» **Task requirements**:
List all lines in the material below that contain "IFCPRODUCTDEFINITIONSHAPE".

───── Supplied material ─────

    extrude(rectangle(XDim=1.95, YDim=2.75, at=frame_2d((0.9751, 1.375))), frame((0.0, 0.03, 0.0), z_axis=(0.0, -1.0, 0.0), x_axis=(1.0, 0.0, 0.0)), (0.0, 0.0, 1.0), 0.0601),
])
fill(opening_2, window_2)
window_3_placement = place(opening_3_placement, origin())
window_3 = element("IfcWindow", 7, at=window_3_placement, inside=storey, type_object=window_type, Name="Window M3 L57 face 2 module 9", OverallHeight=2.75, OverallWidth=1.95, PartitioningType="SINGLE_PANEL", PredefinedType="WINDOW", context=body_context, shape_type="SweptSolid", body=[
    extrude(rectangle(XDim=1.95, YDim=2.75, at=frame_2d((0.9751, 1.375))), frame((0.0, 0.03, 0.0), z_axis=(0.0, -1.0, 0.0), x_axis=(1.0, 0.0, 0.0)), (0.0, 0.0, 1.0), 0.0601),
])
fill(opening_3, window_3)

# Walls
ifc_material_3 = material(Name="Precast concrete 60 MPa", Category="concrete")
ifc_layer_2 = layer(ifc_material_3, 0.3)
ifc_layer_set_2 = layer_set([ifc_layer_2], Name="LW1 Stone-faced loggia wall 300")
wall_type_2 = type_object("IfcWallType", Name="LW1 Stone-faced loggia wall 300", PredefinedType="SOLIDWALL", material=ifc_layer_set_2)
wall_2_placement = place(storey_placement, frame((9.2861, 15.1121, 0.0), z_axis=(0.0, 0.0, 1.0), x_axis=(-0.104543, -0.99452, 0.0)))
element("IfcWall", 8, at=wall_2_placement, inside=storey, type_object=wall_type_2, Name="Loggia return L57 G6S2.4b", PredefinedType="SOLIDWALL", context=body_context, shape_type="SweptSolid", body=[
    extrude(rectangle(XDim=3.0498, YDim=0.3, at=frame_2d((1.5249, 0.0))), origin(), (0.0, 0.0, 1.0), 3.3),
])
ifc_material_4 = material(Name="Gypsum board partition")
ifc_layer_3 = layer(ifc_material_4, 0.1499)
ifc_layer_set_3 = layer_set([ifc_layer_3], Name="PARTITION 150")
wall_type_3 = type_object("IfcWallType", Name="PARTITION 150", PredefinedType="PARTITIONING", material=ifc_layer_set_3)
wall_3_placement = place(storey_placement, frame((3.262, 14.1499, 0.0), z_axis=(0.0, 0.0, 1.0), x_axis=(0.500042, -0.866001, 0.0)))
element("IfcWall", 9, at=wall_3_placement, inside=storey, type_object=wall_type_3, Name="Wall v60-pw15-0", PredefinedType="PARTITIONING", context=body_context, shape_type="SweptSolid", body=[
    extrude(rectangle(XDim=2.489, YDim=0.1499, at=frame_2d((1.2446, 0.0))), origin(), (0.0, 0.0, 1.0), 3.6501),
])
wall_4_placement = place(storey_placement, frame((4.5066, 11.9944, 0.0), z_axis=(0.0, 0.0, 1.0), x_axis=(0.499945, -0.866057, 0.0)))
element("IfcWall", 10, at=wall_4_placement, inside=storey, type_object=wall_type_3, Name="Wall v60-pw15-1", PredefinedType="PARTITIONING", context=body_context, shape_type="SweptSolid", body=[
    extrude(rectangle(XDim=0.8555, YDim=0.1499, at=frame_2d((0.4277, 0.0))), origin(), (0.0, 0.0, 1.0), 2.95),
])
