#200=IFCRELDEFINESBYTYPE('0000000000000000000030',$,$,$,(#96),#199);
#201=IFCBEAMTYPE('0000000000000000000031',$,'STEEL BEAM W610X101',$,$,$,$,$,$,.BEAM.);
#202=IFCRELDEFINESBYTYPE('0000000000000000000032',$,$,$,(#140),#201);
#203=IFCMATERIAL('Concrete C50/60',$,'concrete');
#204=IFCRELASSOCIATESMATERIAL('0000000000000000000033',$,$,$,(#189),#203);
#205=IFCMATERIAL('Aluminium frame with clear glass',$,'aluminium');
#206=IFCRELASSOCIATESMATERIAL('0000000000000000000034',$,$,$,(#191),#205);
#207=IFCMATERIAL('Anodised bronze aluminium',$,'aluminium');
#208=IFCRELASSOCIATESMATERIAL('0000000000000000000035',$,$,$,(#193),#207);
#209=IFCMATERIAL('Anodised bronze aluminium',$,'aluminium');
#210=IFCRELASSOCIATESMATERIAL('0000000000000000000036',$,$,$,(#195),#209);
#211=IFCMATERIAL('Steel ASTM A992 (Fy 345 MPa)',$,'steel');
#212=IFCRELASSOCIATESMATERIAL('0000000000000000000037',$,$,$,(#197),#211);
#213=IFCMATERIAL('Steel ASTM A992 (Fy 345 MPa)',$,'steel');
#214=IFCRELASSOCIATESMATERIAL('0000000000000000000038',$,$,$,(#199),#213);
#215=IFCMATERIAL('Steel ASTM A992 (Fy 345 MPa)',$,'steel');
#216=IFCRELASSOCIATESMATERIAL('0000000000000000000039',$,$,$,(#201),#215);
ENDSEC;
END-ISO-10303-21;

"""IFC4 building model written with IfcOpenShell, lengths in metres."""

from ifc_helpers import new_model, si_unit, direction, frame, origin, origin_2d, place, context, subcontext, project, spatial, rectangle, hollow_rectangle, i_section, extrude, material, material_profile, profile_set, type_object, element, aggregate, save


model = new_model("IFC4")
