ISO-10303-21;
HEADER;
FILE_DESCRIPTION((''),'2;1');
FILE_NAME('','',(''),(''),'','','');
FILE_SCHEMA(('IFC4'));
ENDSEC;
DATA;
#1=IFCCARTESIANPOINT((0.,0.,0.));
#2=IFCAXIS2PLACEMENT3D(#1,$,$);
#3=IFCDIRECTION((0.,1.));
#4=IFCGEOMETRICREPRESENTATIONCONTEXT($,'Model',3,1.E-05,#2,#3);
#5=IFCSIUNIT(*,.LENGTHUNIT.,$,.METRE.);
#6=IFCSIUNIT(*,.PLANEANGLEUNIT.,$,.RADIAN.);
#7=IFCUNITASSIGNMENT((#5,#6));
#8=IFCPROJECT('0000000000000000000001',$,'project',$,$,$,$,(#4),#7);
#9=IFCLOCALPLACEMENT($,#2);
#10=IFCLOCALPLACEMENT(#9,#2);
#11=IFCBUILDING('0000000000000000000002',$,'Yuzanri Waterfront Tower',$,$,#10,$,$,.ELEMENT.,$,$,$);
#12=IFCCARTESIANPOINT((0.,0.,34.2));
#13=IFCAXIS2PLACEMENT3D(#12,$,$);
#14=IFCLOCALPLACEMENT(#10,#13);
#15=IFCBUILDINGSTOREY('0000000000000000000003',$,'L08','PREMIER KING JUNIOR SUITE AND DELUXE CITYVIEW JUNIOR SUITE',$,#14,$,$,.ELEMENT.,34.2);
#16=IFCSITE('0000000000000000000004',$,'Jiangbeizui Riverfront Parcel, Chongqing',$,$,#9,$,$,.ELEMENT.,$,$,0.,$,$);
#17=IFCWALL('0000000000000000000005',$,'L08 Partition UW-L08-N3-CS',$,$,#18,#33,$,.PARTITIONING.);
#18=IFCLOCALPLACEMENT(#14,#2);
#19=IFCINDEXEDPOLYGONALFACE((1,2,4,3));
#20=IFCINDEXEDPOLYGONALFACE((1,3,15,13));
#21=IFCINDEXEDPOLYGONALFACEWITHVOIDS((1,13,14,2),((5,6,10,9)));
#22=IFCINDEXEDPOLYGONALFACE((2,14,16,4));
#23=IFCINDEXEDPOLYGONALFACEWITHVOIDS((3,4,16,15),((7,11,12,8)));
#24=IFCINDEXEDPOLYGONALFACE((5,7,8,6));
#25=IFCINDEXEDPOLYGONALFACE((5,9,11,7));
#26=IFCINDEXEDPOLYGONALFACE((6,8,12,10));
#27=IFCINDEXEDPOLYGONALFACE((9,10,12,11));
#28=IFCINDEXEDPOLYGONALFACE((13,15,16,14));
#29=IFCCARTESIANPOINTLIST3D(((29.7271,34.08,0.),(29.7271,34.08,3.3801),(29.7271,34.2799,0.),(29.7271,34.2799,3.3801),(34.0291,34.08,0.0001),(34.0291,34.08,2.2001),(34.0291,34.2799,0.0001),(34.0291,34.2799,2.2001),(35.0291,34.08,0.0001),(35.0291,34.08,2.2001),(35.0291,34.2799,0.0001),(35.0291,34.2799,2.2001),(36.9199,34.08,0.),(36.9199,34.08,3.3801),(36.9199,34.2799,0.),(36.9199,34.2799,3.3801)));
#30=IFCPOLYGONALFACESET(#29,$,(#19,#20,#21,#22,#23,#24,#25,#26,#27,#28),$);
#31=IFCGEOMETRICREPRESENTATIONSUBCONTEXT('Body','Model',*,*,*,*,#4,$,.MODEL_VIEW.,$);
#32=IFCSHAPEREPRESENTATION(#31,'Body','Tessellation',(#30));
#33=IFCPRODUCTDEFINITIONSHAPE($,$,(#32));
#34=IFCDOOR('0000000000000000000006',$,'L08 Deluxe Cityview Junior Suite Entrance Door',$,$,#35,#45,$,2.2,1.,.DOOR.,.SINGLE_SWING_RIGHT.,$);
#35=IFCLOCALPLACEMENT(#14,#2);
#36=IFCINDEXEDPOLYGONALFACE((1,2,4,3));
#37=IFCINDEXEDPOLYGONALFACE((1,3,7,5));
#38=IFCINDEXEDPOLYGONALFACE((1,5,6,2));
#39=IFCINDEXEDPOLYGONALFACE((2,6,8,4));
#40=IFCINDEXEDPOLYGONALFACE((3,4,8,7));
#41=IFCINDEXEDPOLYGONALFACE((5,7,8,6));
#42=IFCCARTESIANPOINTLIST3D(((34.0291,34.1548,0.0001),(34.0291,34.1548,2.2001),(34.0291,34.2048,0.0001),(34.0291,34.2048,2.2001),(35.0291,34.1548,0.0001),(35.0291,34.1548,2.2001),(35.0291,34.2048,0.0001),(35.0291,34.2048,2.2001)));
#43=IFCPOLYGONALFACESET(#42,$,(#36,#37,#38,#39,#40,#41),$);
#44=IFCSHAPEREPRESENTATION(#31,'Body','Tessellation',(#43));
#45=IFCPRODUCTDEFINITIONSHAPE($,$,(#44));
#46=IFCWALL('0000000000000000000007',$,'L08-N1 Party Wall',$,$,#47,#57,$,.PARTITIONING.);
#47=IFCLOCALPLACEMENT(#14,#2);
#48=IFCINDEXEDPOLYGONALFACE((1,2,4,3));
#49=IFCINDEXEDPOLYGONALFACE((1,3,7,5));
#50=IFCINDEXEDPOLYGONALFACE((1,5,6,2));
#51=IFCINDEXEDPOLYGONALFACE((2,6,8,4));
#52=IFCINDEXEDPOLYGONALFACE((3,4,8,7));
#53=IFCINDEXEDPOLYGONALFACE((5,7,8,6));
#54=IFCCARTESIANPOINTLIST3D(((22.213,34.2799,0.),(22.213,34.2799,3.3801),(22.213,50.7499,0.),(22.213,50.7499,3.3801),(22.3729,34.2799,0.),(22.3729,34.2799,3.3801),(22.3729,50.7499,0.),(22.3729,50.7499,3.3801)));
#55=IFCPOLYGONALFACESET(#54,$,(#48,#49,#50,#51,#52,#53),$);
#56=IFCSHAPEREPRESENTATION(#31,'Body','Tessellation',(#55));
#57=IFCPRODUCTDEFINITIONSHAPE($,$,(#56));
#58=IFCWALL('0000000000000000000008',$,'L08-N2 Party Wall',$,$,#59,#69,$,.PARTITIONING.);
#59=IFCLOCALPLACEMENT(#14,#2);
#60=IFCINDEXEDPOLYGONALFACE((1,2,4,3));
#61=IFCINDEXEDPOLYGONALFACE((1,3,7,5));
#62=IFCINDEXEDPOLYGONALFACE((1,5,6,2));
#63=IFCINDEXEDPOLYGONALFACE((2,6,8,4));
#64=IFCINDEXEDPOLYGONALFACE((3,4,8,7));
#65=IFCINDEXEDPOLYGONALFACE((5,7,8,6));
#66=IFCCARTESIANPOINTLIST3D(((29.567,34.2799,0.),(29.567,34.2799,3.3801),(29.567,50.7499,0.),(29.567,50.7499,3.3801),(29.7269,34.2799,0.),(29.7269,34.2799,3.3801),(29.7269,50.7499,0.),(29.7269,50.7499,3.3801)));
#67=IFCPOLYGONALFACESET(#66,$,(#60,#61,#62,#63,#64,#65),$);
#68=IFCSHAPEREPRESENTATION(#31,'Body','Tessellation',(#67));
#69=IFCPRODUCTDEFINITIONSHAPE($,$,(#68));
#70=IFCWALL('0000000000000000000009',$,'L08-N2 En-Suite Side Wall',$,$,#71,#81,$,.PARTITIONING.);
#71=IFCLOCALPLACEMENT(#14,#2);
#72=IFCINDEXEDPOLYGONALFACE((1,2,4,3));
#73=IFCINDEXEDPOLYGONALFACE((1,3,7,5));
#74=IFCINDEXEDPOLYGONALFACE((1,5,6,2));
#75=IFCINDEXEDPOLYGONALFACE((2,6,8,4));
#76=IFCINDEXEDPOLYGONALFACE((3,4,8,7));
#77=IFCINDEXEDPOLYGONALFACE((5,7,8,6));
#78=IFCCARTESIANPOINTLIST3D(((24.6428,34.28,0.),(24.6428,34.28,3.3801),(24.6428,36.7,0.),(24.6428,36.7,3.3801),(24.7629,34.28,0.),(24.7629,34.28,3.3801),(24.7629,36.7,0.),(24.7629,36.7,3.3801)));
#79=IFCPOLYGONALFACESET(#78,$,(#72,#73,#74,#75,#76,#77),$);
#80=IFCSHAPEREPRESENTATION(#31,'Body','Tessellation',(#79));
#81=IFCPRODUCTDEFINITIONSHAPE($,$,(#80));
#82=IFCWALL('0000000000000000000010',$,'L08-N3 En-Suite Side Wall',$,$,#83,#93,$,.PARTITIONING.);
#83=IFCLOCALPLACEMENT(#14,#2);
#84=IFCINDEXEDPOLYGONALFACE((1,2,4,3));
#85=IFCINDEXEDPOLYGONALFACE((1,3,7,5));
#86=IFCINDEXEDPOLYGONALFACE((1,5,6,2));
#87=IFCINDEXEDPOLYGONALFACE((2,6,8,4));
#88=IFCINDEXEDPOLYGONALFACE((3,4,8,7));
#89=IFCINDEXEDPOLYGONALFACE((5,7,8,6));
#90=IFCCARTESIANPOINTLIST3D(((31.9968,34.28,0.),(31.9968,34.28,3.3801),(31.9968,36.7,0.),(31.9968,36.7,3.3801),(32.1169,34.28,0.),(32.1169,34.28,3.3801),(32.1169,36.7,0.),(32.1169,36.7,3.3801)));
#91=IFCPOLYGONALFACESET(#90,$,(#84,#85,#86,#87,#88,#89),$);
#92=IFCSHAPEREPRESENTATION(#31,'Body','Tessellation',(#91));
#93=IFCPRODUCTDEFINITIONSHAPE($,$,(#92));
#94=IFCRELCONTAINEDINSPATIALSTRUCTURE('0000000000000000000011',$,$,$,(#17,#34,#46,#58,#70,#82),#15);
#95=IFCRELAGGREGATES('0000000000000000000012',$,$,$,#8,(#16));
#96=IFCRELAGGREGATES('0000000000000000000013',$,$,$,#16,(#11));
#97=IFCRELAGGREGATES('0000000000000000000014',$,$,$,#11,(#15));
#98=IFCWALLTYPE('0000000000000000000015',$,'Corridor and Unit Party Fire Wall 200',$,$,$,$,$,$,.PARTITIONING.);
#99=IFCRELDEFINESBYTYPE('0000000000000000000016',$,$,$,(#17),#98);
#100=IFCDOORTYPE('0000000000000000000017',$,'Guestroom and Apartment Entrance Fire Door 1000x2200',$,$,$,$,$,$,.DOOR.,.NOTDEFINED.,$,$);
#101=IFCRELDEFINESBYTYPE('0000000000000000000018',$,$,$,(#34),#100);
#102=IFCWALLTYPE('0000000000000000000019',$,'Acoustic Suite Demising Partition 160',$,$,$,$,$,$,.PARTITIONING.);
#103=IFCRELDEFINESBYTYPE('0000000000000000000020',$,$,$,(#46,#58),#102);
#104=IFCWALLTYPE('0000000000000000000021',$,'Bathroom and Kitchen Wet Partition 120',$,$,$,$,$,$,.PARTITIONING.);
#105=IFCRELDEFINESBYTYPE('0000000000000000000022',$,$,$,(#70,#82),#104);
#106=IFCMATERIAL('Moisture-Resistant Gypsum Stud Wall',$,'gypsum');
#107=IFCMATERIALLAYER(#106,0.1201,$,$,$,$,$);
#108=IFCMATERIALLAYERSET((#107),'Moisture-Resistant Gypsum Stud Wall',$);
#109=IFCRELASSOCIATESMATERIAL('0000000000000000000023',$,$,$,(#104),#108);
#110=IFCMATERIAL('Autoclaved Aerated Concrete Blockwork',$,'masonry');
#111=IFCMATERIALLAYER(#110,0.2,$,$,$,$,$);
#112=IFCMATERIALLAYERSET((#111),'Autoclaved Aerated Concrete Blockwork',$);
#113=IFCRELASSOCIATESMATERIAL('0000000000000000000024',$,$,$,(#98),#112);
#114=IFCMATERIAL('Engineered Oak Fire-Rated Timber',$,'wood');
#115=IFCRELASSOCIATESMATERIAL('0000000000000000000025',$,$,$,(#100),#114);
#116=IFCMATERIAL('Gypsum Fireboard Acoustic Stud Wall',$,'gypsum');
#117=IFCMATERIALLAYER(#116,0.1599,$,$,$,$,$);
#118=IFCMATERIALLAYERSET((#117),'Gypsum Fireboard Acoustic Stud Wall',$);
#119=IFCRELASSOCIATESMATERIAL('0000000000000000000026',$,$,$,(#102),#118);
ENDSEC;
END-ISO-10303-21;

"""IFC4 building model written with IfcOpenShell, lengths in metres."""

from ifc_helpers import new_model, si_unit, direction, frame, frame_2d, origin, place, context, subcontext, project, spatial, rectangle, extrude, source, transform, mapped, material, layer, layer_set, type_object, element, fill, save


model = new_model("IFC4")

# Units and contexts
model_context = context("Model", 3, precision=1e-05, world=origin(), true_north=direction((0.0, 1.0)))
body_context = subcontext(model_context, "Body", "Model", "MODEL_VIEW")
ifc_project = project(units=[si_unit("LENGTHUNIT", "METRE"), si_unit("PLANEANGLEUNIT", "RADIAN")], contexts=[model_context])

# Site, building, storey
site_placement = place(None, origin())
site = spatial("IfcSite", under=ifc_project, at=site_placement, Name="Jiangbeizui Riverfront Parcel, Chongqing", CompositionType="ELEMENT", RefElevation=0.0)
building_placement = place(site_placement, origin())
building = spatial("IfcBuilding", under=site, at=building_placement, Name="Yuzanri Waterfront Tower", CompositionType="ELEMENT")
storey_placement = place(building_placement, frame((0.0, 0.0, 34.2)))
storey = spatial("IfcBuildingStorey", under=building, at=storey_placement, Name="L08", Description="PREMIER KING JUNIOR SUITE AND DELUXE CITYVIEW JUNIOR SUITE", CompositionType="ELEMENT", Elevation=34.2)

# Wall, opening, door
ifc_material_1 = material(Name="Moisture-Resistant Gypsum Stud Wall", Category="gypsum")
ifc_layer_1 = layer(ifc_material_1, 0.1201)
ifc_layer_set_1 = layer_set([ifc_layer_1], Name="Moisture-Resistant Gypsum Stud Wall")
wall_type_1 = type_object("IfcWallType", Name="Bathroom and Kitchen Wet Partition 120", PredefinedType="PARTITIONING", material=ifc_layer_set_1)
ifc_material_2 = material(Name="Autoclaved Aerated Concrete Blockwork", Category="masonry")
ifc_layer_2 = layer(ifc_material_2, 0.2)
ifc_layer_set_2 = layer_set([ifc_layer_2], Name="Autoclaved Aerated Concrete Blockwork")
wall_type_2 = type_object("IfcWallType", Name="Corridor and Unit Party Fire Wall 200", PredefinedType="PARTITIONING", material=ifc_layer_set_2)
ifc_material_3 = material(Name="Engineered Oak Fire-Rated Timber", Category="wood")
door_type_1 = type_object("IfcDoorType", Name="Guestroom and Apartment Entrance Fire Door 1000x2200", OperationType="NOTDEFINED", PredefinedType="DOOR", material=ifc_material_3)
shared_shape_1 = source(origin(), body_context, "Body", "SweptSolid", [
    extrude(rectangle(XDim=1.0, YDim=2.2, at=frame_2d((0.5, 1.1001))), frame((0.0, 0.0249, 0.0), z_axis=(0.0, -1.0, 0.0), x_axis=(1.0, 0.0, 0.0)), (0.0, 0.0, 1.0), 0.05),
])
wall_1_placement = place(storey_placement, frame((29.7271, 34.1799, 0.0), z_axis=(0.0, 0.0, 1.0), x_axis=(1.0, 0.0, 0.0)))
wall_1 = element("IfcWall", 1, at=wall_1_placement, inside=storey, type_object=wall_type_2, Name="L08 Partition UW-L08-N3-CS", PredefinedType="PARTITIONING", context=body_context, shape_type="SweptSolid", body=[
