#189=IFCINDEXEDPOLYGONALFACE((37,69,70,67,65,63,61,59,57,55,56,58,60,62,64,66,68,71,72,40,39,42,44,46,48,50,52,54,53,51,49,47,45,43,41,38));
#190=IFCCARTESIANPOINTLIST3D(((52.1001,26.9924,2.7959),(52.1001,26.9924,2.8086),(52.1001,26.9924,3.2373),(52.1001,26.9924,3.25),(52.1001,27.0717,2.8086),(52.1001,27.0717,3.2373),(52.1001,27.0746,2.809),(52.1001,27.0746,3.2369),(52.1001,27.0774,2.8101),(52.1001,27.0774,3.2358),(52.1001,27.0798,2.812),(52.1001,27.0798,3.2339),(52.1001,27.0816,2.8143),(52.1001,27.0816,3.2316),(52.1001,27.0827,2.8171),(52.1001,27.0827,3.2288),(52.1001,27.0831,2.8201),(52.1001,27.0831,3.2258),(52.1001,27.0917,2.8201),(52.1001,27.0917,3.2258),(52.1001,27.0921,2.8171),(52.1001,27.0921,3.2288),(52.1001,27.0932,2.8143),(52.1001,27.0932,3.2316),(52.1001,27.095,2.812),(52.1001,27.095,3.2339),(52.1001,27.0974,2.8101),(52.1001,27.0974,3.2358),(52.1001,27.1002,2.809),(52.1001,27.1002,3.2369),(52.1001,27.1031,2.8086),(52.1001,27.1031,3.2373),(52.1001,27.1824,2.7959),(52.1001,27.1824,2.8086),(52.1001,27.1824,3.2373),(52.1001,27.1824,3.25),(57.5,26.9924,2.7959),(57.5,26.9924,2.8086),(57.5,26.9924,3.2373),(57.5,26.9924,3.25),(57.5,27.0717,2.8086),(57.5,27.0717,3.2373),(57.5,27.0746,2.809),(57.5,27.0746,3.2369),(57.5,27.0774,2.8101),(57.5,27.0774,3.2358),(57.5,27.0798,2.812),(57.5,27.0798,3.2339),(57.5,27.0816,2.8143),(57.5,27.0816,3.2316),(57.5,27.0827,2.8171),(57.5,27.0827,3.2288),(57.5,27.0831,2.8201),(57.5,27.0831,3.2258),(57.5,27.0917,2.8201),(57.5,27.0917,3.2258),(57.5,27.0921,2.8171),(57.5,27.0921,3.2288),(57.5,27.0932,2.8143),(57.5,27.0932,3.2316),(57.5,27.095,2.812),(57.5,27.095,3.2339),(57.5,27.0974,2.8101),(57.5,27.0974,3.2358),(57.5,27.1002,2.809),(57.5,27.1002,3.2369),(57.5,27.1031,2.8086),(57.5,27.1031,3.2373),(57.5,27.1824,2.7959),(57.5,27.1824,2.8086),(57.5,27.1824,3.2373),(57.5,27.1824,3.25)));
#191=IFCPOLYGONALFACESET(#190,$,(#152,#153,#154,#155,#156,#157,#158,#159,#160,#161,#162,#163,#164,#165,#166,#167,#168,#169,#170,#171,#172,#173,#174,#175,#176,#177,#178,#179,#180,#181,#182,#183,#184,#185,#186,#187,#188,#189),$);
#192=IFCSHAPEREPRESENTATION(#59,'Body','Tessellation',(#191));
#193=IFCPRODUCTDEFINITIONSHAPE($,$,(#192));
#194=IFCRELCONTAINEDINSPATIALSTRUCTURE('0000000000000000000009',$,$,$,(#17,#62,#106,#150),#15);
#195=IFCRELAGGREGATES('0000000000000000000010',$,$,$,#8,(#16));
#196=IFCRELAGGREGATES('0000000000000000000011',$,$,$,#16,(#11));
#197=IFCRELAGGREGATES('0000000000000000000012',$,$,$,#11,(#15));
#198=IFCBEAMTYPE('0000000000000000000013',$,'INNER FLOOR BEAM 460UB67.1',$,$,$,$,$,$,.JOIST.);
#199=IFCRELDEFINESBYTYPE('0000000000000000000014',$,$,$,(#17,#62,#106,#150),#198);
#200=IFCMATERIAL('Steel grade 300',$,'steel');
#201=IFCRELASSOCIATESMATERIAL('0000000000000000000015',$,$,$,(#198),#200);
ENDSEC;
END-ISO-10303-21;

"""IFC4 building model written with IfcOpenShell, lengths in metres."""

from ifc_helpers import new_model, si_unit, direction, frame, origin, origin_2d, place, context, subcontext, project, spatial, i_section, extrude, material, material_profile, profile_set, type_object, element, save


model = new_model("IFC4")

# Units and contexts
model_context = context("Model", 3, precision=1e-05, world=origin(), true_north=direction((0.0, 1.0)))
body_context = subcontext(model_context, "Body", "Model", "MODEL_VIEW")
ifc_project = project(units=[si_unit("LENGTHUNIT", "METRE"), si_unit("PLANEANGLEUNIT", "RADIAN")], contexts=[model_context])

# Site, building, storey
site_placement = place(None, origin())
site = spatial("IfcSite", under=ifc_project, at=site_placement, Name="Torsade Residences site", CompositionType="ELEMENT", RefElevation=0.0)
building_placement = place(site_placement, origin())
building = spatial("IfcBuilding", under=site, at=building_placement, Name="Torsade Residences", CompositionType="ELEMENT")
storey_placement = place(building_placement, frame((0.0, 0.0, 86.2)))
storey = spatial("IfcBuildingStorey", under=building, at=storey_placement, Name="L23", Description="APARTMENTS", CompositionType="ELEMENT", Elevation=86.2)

─────

» **Reply to the exercise**:
#33=IFCPRODUCTDEFINITIONSHAPE($,$,(#32));
#45=IFCPRODUCTDEFINITIONSHAPE($,$,(#44));
#57=IFCPRODUCTDEFINITIONSHAPE($,$,(#56));
#69=IFCPRODUCTDEFINITIONSHAPE($,$,(#68));
#81=IFCPRODUCTDEFINITIONSHAPE($,$,(#80));
#93=IFCPRODUCTDEFINITIONSHAPE($,$,(#92));
#193=IFCPRODUCTDEFINITIONSHAPE($,$,(#192));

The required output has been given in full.